## [AVAILABLE DATA]
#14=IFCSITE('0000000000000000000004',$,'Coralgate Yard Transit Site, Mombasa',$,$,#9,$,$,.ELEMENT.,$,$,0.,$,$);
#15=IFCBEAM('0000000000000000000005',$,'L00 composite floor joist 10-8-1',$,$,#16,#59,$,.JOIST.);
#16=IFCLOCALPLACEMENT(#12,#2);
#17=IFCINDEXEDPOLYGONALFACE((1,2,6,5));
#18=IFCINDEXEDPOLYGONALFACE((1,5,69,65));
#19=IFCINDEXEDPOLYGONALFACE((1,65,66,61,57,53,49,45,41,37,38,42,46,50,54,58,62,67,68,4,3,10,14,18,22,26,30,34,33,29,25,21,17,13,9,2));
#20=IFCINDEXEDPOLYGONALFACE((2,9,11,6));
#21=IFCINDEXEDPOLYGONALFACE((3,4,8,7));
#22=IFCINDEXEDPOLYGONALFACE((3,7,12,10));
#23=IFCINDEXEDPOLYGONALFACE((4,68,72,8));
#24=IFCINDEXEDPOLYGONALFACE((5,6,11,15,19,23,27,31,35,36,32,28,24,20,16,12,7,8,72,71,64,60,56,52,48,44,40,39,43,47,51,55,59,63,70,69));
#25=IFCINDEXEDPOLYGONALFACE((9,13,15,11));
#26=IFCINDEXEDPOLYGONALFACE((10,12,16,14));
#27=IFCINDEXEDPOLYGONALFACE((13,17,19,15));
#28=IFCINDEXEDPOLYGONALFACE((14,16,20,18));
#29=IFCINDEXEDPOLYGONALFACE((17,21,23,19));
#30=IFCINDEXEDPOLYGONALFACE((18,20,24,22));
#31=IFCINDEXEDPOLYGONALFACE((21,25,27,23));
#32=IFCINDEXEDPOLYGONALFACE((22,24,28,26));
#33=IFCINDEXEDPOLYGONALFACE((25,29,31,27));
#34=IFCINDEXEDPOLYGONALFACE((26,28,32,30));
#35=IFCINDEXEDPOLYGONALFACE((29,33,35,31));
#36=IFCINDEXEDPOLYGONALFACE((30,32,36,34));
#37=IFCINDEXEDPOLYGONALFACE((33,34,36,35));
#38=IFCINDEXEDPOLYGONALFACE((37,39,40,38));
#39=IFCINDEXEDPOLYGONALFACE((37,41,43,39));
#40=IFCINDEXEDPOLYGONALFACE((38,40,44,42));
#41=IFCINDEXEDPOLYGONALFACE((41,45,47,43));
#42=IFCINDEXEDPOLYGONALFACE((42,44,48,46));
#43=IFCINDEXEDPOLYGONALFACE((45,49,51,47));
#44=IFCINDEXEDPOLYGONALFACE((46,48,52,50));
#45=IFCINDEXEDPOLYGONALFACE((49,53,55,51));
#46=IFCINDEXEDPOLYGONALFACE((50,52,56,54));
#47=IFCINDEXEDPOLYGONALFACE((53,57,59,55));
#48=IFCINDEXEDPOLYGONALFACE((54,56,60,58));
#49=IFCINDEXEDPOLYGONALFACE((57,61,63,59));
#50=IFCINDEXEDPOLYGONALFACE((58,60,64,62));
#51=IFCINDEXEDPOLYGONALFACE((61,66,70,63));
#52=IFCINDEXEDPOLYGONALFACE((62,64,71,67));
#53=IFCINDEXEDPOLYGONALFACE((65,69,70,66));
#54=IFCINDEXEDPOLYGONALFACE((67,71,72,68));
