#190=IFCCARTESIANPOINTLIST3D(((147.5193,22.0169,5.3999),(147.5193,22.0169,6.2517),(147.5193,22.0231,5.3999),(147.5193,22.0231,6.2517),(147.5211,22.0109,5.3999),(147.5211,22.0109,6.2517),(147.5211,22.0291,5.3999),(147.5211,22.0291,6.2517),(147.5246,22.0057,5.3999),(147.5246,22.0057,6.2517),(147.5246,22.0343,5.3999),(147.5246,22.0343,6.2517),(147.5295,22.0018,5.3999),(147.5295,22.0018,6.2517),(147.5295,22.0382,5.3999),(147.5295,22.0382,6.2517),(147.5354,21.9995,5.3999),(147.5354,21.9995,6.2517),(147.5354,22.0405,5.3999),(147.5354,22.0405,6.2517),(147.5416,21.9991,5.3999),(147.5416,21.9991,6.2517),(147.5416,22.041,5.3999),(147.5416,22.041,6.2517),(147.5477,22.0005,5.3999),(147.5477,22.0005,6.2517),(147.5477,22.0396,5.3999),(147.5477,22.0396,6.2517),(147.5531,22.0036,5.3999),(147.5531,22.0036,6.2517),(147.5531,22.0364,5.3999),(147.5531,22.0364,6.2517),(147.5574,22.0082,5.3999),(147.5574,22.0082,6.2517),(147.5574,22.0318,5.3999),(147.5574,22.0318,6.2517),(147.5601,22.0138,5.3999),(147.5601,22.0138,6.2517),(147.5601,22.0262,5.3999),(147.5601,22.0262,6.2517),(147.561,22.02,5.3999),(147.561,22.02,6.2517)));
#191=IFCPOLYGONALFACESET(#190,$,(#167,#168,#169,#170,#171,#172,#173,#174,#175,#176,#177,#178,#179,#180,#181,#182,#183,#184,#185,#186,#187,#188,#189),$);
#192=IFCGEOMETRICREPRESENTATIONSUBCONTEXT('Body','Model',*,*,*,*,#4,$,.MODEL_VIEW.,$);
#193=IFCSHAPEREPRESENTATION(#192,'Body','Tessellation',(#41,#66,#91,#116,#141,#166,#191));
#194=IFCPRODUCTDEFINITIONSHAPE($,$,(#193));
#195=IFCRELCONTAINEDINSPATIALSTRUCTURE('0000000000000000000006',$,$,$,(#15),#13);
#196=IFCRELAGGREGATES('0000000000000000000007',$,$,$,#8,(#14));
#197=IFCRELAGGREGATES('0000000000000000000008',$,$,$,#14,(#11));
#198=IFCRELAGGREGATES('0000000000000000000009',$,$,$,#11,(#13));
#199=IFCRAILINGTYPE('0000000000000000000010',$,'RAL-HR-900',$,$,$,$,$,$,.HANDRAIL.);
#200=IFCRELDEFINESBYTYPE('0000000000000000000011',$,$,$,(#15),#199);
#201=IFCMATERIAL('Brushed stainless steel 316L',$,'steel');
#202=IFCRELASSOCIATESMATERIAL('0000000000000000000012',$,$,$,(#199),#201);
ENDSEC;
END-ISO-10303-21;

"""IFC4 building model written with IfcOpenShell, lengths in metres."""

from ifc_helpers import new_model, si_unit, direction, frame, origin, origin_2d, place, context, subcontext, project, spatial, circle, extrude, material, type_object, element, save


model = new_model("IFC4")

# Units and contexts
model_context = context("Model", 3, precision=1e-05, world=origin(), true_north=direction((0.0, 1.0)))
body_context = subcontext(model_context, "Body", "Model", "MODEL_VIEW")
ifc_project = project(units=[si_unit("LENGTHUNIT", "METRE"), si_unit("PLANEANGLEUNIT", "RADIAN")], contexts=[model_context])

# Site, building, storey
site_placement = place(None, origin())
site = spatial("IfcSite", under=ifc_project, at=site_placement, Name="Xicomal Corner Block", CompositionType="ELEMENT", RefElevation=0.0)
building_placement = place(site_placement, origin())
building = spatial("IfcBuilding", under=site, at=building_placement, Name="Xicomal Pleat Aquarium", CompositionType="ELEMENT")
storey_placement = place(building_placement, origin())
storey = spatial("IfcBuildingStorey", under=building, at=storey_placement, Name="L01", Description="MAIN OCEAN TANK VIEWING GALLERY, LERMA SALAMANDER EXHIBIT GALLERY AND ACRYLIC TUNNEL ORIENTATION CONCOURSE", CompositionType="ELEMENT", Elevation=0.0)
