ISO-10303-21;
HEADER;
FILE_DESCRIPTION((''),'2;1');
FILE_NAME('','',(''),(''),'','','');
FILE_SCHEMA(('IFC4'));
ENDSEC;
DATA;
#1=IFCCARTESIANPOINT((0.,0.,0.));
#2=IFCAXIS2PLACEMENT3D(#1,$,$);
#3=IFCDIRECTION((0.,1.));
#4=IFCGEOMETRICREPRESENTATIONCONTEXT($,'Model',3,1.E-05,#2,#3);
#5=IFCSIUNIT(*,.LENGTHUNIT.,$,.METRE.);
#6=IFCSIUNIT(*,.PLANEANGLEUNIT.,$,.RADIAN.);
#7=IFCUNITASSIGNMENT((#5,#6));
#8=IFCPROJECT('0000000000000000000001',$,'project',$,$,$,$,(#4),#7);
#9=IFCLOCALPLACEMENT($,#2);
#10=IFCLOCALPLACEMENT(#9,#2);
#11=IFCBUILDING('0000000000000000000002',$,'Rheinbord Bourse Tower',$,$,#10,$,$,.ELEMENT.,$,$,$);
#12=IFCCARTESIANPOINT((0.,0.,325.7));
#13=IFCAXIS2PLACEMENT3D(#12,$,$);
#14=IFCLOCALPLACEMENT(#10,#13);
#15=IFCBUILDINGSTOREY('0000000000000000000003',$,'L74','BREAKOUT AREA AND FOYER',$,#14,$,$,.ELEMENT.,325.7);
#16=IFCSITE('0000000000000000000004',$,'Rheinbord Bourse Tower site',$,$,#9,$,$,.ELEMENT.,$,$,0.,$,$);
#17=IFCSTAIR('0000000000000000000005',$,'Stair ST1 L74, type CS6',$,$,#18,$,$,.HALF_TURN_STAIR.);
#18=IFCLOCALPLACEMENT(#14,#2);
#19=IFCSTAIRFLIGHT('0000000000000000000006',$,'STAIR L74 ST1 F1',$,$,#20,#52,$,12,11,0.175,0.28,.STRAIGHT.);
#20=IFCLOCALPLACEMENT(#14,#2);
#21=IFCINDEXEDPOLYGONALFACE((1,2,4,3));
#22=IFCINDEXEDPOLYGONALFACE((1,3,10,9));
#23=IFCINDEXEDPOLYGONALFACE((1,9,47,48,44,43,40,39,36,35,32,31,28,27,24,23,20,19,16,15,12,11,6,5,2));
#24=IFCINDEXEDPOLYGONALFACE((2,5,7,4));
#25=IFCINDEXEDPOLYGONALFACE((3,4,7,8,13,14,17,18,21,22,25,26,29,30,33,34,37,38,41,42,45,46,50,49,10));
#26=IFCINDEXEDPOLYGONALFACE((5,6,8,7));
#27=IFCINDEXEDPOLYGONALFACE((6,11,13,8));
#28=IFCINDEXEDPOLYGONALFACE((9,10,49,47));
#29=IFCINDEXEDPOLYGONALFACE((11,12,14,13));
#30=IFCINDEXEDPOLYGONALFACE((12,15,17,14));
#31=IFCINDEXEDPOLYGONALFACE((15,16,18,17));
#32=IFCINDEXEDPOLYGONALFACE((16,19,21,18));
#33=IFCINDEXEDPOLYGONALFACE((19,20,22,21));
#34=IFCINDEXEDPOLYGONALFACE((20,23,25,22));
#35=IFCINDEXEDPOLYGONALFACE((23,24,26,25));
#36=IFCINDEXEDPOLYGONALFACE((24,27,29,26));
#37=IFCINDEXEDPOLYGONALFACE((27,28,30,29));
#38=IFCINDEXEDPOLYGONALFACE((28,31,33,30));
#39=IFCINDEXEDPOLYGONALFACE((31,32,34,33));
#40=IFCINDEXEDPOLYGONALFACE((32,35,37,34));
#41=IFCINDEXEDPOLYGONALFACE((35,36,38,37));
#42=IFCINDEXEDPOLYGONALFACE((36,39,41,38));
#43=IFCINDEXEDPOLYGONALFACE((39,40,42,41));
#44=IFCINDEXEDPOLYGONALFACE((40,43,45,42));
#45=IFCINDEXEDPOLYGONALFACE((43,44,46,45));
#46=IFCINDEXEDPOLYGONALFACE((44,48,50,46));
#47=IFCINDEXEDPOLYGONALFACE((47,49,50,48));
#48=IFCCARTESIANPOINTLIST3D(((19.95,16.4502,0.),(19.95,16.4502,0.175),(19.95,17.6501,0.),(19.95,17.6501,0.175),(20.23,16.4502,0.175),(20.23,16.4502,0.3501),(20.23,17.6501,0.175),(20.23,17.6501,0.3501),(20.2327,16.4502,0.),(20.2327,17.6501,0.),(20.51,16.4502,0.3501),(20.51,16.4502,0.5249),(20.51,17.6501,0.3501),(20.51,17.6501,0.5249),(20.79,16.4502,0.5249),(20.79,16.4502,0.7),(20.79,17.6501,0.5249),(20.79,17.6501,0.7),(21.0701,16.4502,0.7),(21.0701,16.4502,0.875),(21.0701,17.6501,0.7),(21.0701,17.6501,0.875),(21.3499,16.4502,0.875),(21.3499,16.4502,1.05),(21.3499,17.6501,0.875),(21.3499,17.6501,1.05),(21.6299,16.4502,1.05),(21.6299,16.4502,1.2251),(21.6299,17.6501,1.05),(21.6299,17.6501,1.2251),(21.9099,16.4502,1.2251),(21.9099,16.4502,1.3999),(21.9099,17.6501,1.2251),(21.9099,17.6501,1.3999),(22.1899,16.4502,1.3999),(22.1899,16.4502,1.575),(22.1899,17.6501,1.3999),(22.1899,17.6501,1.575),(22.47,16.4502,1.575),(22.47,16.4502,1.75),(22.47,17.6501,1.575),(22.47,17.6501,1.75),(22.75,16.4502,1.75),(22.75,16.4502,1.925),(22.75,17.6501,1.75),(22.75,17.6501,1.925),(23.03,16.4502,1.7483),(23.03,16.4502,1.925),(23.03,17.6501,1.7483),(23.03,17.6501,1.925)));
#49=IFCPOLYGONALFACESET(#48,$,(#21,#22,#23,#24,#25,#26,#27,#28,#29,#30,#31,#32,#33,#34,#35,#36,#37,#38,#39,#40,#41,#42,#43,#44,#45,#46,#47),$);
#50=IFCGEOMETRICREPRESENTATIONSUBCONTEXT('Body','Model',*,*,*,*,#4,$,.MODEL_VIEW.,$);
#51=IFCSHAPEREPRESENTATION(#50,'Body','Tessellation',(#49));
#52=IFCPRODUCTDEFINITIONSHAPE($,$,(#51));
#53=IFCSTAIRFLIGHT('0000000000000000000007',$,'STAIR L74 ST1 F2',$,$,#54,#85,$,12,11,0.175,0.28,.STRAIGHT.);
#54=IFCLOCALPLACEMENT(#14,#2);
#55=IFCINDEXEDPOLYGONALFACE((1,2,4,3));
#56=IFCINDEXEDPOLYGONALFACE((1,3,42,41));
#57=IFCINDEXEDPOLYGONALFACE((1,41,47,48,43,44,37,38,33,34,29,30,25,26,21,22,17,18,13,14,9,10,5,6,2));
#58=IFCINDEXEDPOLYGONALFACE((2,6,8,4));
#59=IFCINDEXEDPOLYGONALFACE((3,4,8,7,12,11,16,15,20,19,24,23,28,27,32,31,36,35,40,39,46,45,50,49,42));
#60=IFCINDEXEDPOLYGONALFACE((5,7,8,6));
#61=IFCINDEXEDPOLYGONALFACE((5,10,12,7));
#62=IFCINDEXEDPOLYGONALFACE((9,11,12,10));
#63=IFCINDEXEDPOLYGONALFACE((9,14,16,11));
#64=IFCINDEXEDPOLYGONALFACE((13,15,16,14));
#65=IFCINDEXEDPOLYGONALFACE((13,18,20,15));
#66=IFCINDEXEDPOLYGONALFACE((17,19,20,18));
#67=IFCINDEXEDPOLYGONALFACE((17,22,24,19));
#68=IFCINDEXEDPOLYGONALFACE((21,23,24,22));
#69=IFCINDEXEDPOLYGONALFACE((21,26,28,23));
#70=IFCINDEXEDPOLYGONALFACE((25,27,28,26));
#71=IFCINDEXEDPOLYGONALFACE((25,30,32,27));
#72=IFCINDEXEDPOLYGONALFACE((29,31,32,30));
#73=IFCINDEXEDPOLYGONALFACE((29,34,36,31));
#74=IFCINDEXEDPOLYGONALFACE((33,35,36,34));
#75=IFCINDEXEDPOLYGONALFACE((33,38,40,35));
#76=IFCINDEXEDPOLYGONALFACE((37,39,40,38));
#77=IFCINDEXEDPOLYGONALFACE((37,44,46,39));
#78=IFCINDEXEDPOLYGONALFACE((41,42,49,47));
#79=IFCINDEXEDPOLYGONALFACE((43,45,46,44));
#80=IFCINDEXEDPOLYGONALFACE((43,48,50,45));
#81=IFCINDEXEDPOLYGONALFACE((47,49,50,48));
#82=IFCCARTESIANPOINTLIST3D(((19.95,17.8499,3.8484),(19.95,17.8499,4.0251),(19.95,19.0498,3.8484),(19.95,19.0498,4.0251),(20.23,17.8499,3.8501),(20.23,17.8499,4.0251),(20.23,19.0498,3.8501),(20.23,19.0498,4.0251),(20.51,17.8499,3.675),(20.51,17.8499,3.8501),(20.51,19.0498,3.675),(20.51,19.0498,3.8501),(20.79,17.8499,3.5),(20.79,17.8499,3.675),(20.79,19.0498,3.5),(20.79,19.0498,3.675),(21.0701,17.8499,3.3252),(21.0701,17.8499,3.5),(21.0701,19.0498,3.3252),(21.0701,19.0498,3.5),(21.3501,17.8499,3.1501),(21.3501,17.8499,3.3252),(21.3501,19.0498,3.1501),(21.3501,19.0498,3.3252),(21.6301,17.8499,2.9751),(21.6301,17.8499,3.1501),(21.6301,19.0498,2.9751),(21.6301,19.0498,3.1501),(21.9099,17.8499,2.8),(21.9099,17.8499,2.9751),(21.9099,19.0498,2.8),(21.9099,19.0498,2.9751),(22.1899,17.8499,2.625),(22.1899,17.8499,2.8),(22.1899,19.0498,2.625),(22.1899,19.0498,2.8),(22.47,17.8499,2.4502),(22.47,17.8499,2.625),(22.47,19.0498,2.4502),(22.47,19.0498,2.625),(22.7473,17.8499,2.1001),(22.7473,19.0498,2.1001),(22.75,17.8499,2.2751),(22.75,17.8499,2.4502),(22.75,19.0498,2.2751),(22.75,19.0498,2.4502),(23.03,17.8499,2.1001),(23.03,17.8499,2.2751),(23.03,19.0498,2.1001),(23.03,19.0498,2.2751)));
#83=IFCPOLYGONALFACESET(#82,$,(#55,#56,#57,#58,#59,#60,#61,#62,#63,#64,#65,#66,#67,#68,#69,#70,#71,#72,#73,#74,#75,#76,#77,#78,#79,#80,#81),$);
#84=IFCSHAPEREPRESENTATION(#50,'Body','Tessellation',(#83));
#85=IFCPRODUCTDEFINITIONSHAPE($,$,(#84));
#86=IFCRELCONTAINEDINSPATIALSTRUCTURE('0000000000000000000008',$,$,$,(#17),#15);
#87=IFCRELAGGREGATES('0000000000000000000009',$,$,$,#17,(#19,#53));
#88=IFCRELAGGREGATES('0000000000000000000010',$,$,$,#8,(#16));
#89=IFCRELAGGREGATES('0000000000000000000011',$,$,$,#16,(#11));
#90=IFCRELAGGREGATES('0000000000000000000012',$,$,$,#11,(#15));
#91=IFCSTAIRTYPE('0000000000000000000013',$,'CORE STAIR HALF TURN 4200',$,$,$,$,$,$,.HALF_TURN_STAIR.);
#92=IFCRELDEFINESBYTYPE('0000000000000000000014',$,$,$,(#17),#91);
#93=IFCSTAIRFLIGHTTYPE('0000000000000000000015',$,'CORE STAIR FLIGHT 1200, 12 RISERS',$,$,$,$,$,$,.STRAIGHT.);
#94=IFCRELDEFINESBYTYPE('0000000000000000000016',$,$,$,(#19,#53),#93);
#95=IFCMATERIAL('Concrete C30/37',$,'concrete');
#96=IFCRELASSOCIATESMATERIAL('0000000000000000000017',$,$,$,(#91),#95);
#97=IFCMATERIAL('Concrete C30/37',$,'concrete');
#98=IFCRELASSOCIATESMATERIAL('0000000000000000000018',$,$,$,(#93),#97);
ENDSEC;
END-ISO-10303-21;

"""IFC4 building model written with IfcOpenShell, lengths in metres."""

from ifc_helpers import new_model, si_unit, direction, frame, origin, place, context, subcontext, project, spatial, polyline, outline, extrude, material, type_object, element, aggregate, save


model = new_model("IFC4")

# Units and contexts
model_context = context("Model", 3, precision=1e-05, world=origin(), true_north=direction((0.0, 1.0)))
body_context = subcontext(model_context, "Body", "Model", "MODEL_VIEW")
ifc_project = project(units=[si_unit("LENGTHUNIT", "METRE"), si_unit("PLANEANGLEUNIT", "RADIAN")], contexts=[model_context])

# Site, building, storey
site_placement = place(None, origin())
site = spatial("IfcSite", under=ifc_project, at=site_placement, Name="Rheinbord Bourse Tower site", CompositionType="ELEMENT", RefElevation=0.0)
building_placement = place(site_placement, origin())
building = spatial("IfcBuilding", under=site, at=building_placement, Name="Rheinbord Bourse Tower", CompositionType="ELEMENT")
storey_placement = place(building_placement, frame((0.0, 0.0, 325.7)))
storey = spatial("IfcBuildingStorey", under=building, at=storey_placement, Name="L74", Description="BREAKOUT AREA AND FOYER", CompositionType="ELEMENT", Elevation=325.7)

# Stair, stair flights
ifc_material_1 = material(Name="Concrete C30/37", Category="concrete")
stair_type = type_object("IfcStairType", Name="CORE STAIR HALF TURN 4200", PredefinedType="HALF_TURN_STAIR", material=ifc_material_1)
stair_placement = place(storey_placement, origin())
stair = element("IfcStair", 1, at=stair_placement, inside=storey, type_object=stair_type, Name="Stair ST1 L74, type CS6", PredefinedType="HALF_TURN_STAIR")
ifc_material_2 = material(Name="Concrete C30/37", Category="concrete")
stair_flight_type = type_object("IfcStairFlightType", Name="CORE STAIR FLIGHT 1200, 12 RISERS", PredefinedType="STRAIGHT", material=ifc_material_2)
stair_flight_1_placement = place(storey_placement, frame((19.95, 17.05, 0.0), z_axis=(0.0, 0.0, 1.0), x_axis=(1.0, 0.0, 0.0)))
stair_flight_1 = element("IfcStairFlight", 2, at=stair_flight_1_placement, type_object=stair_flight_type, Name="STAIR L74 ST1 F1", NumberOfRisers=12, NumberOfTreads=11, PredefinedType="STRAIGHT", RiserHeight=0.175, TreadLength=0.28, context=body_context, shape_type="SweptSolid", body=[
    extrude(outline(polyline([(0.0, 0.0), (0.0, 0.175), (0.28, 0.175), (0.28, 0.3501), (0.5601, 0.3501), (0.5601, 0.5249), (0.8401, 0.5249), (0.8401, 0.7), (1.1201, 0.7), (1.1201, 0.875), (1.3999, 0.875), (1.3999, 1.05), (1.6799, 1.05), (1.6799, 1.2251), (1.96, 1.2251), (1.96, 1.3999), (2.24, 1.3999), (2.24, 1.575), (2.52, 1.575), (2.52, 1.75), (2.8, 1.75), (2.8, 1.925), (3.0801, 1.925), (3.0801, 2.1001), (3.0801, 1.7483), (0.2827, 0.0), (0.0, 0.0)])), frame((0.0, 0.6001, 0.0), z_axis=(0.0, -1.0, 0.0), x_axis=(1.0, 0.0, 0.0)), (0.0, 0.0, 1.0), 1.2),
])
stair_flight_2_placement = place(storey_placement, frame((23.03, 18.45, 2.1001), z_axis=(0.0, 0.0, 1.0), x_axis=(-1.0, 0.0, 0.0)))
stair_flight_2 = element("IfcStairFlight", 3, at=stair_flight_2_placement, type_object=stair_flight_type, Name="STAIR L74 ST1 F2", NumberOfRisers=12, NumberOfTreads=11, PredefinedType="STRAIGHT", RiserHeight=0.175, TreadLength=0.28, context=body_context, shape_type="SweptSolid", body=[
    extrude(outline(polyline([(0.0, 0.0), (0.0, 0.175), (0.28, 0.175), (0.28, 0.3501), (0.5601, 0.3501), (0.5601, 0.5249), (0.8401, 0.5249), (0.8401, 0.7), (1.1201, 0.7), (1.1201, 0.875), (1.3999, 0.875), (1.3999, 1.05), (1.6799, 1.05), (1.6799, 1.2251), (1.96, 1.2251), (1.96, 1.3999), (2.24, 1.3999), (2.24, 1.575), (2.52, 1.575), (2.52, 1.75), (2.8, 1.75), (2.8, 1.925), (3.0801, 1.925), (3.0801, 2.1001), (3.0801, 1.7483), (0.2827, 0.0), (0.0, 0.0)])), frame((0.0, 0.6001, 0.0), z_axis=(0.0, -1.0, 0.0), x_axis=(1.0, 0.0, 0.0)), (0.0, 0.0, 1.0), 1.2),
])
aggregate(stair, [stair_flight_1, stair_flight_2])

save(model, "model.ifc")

## [INSTRUCTIONS TO FOLLOW]
Reproduce the records above exactly, from the first line to the line that holds "#17=IFCINDEXEDPOLYGONALFACE((1,2,6,5));", inclusive, and omit everything after it.

## [SOLUTION TO THIS PROBLEM]
#14=IFCSITE('0000000000000000000004',$,'Coralgate Yard Transit Site, Mombasa',$,$,#9,$,$,.ELEMENT.,$,$,0.,$,$);
#15=IFCBEAM('0000000000000000000005',$,'L00 composite floor joist 10-8-1',$,$,#16,#59,$,.JOIST.);
#16=IFCLOCALPLACEMENT(#12,#2);
#17=IFCINDEXEDPOLYGONALFACE((1,2,6,5));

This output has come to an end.